Below are entries. Copy exactly the lines running from the line that holds "#168=IFCCOVERING('0000000000000000000014',$,'Barrel roof 4" to the line that holds "#175=IFCINDEXEDPOLYGONALFACE((5,6,8,7));", with both ends included.

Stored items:
- - - - - - -
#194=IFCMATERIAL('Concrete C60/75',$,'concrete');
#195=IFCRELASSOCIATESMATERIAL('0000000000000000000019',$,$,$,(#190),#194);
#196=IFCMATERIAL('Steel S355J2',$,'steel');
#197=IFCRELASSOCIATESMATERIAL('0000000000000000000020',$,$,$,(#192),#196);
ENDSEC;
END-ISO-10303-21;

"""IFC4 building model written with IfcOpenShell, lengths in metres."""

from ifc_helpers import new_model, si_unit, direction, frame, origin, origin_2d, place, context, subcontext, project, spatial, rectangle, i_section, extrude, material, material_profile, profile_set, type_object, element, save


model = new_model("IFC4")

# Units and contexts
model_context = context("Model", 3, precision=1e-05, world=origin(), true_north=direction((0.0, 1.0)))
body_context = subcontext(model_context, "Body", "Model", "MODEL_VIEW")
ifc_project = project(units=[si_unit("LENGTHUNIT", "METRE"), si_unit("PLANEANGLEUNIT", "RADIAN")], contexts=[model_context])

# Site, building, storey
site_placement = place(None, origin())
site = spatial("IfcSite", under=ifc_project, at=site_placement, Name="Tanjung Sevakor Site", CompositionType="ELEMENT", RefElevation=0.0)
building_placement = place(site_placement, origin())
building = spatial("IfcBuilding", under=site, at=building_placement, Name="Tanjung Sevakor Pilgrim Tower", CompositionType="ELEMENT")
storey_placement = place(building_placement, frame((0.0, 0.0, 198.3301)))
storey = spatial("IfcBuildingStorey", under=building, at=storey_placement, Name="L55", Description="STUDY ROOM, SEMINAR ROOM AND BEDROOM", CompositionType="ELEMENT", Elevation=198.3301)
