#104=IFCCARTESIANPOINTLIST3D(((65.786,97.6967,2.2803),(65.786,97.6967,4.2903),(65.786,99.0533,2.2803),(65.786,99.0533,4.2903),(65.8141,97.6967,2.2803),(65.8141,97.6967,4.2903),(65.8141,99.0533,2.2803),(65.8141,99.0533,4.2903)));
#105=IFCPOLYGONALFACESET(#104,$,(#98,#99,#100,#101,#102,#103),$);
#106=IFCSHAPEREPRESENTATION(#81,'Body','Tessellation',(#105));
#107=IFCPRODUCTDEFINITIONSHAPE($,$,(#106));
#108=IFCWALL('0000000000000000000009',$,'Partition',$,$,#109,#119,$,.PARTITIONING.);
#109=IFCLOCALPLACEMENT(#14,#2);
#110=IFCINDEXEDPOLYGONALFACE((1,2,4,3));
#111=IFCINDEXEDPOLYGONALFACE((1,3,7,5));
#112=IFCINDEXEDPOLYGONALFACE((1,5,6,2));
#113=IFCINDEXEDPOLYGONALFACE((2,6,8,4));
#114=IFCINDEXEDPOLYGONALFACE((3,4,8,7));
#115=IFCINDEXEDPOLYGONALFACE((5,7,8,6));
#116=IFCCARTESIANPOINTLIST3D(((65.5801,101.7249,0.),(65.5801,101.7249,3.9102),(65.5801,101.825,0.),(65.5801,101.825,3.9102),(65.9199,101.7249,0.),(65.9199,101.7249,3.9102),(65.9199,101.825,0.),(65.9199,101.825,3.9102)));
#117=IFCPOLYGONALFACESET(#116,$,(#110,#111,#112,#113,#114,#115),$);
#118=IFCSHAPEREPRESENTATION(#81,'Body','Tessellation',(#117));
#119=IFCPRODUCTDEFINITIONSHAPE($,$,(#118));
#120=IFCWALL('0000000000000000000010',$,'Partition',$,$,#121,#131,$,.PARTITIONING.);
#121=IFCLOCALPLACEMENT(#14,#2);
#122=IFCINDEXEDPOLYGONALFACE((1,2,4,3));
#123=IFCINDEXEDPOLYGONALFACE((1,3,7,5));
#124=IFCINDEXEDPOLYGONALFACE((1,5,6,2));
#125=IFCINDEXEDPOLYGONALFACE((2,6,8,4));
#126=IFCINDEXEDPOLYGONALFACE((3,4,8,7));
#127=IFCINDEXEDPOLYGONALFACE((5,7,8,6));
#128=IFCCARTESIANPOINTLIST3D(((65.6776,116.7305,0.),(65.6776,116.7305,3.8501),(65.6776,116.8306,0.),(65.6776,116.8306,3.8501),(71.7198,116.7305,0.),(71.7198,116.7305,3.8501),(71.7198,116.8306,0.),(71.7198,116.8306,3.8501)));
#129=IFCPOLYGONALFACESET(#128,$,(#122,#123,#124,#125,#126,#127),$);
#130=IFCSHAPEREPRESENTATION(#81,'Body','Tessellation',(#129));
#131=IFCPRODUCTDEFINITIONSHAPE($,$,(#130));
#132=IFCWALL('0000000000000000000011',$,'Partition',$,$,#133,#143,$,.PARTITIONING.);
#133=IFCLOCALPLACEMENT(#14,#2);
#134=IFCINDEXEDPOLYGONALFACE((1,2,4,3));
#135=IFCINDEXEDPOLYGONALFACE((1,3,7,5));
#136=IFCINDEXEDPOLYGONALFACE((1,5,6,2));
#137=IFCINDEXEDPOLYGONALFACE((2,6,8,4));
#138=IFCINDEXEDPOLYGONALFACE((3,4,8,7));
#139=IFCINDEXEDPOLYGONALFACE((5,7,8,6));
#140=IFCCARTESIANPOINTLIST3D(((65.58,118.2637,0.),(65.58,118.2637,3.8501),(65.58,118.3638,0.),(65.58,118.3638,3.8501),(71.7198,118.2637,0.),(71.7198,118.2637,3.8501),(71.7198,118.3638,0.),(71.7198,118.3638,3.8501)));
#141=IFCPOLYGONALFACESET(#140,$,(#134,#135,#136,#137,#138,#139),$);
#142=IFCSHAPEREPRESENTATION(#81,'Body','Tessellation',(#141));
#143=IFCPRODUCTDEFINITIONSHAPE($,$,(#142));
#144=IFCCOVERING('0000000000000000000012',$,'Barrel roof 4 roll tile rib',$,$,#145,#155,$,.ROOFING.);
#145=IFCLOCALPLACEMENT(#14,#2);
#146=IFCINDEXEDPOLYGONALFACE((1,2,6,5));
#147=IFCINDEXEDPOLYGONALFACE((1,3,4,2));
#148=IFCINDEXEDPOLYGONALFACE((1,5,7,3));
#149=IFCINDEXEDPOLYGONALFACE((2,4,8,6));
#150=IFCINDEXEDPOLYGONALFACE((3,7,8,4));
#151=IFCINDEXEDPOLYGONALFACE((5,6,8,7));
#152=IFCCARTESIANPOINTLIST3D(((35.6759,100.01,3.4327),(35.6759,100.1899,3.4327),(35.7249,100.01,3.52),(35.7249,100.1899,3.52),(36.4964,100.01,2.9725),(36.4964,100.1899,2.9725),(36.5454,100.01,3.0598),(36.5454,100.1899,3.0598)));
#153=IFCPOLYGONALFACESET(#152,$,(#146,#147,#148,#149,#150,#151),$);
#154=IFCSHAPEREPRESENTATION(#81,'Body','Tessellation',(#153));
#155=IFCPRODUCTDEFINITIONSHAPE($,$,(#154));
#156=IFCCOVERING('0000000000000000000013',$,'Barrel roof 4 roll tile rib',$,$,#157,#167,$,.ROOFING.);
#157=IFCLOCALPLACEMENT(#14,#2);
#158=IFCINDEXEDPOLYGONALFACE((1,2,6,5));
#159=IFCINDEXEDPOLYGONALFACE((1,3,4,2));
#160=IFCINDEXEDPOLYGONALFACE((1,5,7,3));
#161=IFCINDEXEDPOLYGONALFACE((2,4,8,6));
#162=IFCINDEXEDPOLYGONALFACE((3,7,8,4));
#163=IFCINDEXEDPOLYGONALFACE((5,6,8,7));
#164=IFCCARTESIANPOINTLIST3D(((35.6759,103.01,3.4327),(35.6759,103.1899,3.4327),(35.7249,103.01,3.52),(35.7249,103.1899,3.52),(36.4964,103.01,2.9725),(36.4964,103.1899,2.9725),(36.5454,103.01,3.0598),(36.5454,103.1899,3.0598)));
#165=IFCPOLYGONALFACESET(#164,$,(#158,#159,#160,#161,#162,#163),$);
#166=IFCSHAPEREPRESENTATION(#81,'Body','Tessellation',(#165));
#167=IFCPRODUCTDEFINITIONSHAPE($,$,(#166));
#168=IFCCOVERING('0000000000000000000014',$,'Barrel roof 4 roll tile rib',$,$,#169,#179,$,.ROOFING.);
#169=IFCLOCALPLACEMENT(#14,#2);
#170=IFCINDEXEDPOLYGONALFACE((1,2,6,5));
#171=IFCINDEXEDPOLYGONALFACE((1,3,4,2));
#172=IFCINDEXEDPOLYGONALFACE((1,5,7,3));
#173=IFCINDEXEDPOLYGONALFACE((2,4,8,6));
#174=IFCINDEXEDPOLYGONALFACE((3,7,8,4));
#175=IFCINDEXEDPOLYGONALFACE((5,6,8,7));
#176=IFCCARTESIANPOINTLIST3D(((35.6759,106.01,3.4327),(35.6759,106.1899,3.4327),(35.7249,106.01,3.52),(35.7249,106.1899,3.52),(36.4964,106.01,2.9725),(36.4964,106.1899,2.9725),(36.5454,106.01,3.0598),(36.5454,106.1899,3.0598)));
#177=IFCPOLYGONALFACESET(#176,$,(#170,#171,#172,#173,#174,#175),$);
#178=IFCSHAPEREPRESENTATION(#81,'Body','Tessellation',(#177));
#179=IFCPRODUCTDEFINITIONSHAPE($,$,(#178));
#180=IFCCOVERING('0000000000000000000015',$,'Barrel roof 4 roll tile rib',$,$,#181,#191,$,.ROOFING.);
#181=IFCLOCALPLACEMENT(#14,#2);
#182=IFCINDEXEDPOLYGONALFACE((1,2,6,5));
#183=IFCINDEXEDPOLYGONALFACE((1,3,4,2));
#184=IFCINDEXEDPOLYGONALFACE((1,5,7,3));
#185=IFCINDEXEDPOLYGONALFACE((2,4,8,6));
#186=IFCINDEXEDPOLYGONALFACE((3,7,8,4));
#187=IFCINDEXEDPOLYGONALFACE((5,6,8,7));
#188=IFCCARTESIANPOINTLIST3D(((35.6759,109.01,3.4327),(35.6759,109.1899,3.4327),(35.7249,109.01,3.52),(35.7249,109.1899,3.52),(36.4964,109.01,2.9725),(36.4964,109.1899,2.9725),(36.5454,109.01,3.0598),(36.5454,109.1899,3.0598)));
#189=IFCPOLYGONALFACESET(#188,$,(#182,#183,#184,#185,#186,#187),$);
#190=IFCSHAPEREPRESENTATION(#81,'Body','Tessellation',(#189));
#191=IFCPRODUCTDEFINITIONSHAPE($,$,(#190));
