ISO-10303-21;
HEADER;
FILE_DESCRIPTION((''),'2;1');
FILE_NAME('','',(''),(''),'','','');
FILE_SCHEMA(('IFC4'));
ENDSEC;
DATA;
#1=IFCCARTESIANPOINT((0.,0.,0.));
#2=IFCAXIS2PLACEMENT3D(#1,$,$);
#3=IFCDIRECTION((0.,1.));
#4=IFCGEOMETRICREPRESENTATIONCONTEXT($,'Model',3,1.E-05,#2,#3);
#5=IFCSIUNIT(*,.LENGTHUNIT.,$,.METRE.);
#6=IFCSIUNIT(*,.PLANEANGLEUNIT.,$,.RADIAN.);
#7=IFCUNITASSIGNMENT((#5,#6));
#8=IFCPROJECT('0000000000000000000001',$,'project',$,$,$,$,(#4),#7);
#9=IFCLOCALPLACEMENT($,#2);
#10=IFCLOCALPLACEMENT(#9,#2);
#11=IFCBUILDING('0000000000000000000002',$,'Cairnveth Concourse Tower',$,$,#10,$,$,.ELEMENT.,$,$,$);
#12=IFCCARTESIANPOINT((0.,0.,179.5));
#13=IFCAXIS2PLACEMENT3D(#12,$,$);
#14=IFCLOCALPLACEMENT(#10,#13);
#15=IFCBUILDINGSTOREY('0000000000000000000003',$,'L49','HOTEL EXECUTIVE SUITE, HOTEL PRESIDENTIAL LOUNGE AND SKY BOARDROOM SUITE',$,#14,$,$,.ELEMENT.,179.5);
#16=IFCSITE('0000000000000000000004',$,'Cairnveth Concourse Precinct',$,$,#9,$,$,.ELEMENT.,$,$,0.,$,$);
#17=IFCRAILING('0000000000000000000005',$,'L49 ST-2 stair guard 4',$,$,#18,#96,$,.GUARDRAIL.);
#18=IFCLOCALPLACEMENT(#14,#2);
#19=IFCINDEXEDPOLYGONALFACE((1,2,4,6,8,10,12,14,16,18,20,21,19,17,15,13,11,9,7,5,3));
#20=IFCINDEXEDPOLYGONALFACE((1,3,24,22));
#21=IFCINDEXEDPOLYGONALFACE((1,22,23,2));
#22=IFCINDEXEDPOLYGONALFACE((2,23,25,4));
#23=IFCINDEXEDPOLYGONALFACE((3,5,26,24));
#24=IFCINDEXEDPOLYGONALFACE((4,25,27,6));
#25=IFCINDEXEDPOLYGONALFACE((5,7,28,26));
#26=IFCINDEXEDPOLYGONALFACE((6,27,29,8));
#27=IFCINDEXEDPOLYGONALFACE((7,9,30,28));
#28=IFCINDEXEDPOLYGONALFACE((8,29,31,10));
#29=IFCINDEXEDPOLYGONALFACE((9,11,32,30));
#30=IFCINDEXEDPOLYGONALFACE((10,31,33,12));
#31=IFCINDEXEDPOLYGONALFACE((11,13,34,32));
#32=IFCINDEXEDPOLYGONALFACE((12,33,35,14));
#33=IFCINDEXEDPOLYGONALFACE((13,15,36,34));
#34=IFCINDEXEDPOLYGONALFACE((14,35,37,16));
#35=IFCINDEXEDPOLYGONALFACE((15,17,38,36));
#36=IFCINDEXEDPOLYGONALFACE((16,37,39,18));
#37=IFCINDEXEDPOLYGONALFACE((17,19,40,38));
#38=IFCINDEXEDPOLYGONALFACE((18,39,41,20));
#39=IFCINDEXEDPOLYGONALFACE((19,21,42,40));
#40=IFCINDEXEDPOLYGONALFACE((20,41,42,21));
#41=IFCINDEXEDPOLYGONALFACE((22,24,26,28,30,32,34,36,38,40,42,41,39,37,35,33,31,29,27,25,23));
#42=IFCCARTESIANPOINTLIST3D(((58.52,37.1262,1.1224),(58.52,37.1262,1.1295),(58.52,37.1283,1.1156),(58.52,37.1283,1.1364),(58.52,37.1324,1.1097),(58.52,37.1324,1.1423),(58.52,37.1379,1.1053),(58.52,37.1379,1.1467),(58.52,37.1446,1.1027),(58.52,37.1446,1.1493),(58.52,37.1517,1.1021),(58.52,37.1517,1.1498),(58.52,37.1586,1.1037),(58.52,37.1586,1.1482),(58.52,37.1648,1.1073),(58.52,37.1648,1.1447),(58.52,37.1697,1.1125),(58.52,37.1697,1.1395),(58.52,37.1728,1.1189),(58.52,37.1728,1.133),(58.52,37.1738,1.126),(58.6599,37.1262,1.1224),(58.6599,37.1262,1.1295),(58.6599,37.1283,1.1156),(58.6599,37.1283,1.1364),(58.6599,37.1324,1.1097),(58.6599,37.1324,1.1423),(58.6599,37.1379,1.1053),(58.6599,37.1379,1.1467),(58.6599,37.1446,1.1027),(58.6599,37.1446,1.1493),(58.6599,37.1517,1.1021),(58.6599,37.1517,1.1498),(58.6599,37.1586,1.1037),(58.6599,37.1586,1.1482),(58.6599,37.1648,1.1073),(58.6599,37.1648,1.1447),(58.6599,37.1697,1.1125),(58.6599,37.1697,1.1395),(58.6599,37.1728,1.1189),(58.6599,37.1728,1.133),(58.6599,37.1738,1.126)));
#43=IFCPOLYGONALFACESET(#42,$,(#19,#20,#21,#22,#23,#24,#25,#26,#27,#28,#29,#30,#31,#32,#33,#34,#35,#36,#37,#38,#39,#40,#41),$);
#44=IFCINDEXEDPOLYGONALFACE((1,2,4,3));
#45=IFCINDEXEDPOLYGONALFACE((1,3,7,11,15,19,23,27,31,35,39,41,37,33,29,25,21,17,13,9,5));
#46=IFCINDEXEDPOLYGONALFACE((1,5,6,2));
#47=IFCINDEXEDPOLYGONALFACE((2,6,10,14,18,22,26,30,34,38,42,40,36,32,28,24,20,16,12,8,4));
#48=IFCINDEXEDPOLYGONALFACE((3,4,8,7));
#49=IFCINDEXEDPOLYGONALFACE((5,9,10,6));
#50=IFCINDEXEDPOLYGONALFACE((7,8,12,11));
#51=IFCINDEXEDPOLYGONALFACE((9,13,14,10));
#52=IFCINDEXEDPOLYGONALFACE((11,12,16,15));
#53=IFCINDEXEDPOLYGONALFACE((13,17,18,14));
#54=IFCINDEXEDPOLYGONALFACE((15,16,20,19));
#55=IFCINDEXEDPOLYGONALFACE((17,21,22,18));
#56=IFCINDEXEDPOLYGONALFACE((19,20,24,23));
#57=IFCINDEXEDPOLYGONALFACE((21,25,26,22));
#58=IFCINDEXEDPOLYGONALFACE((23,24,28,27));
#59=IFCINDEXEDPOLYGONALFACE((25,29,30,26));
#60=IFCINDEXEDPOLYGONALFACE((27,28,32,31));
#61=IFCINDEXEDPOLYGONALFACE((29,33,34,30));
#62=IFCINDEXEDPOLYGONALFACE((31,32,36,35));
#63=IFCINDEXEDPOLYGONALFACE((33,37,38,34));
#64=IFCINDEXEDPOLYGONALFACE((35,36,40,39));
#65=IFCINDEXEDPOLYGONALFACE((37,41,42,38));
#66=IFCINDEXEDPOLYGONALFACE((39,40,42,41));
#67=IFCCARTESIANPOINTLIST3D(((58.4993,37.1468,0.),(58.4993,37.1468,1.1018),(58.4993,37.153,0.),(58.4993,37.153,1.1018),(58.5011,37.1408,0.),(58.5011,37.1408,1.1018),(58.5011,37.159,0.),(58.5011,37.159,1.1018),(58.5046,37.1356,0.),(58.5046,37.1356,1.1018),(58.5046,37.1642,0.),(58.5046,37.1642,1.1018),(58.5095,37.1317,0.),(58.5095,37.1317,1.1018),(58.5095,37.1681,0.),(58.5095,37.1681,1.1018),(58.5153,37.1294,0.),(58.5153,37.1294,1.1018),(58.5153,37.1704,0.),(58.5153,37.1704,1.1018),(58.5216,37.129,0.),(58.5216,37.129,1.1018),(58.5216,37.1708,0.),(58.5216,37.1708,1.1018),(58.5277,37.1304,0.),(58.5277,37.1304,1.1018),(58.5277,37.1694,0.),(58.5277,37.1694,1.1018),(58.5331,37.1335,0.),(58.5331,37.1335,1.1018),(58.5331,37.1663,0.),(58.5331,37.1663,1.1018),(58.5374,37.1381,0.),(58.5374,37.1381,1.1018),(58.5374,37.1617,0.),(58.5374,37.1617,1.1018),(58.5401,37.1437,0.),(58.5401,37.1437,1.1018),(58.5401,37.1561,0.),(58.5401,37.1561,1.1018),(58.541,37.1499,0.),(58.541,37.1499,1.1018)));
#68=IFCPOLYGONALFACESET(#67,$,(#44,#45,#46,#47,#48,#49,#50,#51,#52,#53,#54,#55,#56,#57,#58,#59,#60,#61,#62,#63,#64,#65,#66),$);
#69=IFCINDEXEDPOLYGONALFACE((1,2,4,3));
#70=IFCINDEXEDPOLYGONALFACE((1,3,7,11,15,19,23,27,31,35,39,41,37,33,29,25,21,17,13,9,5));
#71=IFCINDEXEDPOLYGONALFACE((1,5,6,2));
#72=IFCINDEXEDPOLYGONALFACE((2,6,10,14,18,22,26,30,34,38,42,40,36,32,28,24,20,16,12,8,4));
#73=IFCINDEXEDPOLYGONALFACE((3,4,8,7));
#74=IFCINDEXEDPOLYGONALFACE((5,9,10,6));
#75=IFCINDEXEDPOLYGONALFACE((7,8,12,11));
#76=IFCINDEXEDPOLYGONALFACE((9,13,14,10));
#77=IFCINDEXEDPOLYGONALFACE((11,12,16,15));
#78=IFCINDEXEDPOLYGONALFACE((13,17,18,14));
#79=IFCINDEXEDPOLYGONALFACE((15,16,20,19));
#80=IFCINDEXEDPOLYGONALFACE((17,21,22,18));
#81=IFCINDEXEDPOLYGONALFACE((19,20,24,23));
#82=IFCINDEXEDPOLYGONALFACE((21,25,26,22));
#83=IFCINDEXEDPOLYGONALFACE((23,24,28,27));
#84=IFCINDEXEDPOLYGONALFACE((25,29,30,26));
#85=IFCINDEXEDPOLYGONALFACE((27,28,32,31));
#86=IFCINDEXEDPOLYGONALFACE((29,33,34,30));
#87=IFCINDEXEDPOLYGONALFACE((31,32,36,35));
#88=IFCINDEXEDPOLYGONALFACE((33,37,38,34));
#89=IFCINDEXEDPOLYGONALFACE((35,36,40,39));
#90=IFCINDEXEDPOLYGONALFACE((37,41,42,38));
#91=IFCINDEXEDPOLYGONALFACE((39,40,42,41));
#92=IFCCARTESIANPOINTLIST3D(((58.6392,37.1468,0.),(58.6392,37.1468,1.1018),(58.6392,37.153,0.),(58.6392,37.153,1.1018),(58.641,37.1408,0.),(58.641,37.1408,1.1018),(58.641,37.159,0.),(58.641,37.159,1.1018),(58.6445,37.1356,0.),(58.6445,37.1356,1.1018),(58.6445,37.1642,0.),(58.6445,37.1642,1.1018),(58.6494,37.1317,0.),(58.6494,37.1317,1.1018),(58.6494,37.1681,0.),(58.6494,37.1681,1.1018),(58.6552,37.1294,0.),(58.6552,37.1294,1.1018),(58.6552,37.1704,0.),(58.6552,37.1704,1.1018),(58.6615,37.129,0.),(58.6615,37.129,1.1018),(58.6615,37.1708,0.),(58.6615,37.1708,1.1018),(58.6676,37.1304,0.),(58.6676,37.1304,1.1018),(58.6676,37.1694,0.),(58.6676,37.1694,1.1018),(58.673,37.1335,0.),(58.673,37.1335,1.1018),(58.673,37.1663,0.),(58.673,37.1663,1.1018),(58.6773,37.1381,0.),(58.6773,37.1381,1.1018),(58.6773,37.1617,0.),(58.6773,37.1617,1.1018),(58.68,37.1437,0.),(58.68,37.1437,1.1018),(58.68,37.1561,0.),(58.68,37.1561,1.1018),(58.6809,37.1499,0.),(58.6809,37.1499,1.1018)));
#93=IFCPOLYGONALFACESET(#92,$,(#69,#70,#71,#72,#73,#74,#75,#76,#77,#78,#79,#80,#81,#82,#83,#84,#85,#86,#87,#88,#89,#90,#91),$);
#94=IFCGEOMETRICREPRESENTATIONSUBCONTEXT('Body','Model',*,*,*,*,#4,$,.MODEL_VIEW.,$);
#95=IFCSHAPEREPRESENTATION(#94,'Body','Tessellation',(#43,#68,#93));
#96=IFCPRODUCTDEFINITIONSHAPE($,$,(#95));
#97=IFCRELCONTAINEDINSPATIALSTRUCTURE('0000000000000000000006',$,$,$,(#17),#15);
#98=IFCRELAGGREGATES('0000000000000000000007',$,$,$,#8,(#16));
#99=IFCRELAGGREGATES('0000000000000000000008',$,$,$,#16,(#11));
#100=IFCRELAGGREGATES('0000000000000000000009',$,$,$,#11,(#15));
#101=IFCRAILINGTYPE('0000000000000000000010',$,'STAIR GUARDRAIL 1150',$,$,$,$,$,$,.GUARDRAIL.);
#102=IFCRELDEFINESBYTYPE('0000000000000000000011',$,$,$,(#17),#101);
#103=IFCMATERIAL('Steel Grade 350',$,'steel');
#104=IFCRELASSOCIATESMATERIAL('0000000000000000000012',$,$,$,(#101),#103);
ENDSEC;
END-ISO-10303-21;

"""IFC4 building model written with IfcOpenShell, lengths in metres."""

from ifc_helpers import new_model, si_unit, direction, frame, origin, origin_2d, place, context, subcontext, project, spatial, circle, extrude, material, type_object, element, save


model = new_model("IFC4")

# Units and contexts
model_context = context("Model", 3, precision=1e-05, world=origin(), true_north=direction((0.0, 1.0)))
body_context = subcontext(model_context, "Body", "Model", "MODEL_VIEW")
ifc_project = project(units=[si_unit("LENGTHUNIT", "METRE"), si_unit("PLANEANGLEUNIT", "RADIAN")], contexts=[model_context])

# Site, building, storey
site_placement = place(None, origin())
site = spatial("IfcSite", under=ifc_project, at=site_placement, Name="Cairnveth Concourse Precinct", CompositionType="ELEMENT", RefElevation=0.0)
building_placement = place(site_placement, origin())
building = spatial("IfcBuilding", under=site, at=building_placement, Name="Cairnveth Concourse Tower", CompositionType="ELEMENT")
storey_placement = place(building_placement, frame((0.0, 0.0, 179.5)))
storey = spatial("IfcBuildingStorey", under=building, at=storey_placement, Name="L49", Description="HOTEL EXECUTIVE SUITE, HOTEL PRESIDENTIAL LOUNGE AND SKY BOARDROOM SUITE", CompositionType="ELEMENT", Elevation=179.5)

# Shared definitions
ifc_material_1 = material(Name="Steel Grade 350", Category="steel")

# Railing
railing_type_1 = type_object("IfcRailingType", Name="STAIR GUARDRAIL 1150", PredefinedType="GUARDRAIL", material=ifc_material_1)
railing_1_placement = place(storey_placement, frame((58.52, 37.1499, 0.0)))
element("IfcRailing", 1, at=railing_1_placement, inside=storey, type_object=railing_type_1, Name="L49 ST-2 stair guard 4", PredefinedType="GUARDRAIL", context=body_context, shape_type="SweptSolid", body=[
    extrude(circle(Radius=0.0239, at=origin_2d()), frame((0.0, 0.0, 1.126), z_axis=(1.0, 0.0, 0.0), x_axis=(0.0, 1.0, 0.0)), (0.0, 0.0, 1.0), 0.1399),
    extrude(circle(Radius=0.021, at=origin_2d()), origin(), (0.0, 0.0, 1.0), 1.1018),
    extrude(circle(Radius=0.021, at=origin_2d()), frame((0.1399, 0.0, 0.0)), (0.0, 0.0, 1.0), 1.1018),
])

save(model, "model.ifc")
- - - - - - -
▶ [Your response]
#168=IFCCOVERING('0000000000000000000014',$,'Barrel roof 4 roll tile rib',$,$,#169,#179,$,.ROOFING.);
#169=IFCLOCALPLACEMENT(#14,#2);
#170=IFCINDEXEDPOLYGONALFACE((1,2,6,5));
#171=IFCINDEXEDPOLYGONALFACE((1,3,4,2));
#172=IFCINDEXEDPOLYGONALFACE((1,5,7,3));
#173=IFCINDEXEDPOLYGONALFACE((2,4,8,6));
#174=IFCINDEXEDPOLYGONALFACE((3,7,8,4));
#175=IFCINDEXEDPOLYGONALFACE((5,6,8,7));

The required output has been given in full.